Activity:
Once you reach the line that holds "#149=IFCINDEXEDPOLYGONALFACE((5,7,8,6));" in the listing below, output it and every line after it through the line that holds "#173=IFCINDEXEDPOLYGONALFACE((5,7,8,6));", word for word.

Record excerpts:
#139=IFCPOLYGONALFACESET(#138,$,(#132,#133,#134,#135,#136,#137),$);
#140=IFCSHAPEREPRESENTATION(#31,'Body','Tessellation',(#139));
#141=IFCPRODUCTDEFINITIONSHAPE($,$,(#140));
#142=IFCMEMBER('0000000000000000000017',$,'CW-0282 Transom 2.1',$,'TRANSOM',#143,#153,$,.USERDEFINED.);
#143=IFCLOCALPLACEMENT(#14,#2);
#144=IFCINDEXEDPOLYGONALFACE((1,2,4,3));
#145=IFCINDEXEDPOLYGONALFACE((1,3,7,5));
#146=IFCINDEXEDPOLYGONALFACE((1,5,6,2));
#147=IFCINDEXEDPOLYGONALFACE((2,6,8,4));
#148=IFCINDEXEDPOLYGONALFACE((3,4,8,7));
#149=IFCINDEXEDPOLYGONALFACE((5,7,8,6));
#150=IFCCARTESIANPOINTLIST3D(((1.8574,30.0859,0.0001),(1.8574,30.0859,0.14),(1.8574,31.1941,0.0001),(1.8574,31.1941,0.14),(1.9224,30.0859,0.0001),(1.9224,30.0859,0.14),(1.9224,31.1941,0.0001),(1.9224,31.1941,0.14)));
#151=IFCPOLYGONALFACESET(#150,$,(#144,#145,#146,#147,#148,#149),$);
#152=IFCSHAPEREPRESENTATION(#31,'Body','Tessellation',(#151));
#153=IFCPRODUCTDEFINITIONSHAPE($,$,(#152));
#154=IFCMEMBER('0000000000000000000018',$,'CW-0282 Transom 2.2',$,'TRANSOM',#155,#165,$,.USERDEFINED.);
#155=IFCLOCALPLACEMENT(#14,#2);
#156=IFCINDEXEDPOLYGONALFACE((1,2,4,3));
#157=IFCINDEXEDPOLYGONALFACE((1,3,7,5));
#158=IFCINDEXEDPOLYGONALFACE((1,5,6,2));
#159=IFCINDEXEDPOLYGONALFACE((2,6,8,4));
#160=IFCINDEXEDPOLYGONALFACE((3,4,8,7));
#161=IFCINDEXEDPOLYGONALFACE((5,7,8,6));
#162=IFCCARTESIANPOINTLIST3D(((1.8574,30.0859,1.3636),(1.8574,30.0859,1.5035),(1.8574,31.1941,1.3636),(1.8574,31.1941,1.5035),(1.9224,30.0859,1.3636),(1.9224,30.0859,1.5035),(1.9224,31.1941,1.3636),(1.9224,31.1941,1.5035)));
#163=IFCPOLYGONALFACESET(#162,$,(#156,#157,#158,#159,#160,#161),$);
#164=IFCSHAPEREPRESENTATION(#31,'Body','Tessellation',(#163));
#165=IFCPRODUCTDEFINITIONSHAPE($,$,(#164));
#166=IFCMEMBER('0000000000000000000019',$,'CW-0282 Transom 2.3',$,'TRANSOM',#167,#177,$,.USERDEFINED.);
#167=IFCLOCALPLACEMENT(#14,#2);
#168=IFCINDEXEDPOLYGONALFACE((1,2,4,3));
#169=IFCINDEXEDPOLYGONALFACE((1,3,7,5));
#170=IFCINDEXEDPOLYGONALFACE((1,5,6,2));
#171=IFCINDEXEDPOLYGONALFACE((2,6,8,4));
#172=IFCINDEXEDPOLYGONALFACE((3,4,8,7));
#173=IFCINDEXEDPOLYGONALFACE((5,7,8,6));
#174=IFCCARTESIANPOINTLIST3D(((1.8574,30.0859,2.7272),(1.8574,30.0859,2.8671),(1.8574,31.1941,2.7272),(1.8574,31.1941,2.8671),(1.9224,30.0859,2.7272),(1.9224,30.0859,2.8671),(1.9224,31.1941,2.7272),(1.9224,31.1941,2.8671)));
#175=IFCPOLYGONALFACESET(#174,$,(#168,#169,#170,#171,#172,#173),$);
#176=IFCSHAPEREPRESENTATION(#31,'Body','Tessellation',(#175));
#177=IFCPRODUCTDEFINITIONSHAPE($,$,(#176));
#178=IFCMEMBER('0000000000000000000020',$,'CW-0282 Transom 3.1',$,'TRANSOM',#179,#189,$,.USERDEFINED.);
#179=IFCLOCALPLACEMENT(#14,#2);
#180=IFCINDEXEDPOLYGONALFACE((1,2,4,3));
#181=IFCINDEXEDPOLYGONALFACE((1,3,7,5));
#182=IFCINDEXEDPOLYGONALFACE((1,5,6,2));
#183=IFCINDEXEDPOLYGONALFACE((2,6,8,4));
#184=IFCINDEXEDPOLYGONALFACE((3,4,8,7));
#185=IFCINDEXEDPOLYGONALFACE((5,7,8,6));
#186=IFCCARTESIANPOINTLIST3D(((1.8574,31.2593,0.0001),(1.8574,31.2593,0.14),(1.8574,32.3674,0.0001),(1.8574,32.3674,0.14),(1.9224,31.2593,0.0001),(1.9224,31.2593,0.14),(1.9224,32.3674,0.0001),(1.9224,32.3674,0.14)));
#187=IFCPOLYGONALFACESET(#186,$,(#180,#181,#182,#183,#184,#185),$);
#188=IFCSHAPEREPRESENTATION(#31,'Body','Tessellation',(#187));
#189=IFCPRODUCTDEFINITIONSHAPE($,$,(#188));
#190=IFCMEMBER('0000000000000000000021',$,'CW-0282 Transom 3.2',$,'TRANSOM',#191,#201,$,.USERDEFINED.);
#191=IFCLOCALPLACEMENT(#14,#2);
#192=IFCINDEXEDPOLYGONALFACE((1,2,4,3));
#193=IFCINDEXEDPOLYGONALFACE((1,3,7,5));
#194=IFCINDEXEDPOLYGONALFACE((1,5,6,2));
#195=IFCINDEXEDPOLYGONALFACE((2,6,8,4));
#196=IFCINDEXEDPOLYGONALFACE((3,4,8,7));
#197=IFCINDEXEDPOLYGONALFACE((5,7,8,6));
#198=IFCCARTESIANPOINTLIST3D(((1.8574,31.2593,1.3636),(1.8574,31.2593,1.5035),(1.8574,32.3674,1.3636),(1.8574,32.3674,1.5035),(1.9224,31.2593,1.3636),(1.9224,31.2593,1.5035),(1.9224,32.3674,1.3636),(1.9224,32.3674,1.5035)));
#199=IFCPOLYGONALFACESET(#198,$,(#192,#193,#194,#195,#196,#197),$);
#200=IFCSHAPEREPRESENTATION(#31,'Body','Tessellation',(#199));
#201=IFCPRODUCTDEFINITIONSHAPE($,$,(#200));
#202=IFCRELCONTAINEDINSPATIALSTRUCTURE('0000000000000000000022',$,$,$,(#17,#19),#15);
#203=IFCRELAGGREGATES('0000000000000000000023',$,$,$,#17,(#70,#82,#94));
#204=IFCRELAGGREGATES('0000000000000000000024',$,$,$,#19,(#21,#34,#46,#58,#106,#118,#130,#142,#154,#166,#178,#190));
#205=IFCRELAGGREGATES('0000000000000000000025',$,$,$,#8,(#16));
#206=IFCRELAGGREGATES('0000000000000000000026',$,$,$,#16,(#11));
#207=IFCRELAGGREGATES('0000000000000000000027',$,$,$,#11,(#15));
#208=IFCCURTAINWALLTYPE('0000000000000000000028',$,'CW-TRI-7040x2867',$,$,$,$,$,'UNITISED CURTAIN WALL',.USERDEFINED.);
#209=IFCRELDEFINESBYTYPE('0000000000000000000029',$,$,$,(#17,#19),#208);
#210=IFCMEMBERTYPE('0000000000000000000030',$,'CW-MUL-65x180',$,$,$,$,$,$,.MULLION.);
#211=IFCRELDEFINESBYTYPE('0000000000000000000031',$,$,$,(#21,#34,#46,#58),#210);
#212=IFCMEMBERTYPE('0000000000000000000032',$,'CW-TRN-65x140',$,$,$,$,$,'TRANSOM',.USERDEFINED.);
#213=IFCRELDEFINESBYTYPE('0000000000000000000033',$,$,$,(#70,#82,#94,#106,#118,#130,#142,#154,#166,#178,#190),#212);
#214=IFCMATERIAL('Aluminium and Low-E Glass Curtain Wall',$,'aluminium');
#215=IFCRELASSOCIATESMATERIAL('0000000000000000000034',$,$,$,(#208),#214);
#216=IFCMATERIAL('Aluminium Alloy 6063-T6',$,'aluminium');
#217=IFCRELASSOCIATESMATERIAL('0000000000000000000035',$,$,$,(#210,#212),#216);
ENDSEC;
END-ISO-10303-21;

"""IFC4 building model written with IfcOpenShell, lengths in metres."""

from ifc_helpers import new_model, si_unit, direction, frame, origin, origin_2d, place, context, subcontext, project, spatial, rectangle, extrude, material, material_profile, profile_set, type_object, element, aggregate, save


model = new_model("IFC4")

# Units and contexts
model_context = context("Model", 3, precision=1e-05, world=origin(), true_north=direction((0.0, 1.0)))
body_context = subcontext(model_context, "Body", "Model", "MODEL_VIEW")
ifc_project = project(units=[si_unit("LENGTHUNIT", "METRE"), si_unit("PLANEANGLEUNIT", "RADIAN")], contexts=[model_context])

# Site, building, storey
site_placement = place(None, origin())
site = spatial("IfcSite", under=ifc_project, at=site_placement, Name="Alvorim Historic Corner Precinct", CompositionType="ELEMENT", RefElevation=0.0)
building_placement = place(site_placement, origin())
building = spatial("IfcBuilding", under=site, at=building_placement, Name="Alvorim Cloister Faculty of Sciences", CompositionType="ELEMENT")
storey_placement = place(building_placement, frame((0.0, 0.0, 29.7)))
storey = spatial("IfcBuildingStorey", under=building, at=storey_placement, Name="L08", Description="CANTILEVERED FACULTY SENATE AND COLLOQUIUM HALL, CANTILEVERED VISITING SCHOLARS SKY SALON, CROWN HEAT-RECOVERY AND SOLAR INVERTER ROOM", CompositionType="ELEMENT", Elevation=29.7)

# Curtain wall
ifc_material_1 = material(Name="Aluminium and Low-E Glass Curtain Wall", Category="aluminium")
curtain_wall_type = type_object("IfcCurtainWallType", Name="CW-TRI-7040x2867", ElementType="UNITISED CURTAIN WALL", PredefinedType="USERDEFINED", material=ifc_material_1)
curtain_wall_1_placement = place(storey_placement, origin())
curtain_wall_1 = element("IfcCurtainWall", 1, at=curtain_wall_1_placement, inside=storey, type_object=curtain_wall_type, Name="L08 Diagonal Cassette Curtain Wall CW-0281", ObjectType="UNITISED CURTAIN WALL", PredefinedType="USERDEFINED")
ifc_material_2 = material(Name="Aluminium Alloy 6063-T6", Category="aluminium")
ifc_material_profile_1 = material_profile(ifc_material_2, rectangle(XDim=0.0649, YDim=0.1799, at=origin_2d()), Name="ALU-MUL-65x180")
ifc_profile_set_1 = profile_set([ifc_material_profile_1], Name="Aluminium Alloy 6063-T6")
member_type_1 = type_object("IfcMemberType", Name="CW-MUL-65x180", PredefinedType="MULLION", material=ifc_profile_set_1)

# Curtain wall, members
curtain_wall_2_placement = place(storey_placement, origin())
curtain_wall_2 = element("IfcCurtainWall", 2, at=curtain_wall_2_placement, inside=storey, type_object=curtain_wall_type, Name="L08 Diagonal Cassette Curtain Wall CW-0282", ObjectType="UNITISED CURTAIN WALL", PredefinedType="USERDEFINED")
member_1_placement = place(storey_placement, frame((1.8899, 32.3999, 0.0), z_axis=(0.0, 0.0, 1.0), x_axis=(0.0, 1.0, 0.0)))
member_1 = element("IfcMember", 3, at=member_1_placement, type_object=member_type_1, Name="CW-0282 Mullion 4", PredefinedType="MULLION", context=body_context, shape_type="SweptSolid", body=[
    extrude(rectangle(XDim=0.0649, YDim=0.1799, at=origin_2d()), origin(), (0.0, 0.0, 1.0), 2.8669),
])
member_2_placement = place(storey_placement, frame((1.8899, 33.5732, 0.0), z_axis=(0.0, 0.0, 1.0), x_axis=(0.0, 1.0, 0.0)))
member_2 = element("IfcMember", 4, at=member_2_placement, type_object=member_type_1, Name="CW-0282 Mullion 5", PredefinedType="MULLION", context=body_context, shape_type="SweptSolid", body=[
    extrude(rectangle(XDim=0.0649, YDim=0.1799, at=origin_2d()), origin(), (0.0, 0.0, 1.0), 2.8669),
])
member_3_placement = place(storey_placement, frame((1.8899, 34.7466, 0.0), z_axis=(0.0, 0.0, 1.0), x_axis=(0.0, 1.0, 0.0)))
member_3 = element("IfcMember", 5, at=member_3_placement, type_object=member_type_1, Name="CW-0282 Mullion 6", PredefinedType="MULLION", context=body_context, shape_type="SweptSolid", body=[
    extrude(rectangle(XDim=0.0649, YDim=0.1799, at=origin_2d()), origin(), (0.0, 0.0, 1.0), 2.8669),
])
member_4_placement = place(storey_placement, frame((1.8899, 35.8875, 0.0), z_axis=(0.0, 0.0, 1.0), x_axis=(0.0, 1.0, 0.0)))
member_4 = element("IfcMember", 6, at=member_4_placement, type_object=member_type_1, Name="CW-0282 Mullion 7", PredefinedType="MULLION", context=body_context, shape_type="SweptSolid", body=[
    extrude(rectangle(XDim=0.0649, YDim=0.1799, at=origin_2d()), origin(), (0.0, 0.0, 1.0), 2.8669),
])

Response to this task:
#149=IFCINDEXEDPOLYGONALFACE((5,7,8,6));
#150=IFCCARTESIANPOINTLIST3D(((1.8574,30.0859,0.0001),(1.8574,30.0859,0.14),(1.8574,31.1941,0.0001),(1.8574,31.1941,0.14),(1.9224,30.0859,0.0001),(1.9224,30.0859,0.14),(1.9224,31.1941,0.0001),(1.9224,31.1941,0.14)));
#151=IFCPOLYGONALFACESET(#150,$,(#144,#145,#146,#147,#148,#149),$);
#152=IFCSHAPEREPRESENTATION(#31,'Body','Tessellation',(#151));
#153=IFCPRODUCTDEFINITIONSHAPE($,$,(#152));
#154=IFCMEMBER('0000000000000000000018',$,'CW-0282 Transom 2.2',$,'TRANSOM',#155,#165,$,.USERDEFINED.);
#155=IFCLOCALPLACEMENT(#14,#2);
#156=IFCINDEXEDPOLYGONALFACE((1,2,4,3));
#157=IFCINDEXEDPOLYGONALFACE((1,3,7,5));
#158=IFCINDEXEDPOLYGONALFACE((1,5,6,2));
#159=IFCINDEXEDPOLYGONALFACE((2,6,8,4));
#160=IFCINDEXEDPOLYGONALFACE((3,4,8,7));
#161=IFCINDEXEDPOLYGONALFACE((5,7,8,6));
#162=IFCCARTESIANPOINTLIST3D(((1.8574,30.0859,1.3636),(1.8574,30.0859,1.5035),(1.8574,31.1941,1.3636),(1.8574,31.1941,1.5035),(1.9224,30.0859,1.3636),(1.9224,30.0859,1.5035),(1.9224,31.1941,1.3636),(1.9224,31.1941,1.5035)));
#163=IFCPOLYGONALFACESET(#162,$,(#156,#157,#158,#159,#160,#161),$);
#164=IFCSHAPEREPRESENTATION(#31,'Body','Tessellation',(#163));
#165=IFCPRODUCTDEFINITIONSHAPE($,$,(#164));
#166=IFCMEMBER('0000000000000000000019',$,'CW-0282 Transom 2.3',$,'TRANSOM',#167,#177,$,.USERDEFINED.);
#167=IFCLOCALPLACEMENT(#14,#2);
#168=IFCINDEXEDPOLYGONALFACE((1,2,4,3));
#169=IFCINDEXEDPOLYGONALFACE((1,3,7,5));
#170=IFCINDEXEDPOLYGONALFACE((1,5,6,2));
#171=IFCINDEXEDPOLYGONALFACE((2,6,8,4));
#172=IFCINDEXEDPOLYGONALFACE((3,4,8,7));
#173=IFCINDEXEDPOLYGONALFACE((5,7,8,6));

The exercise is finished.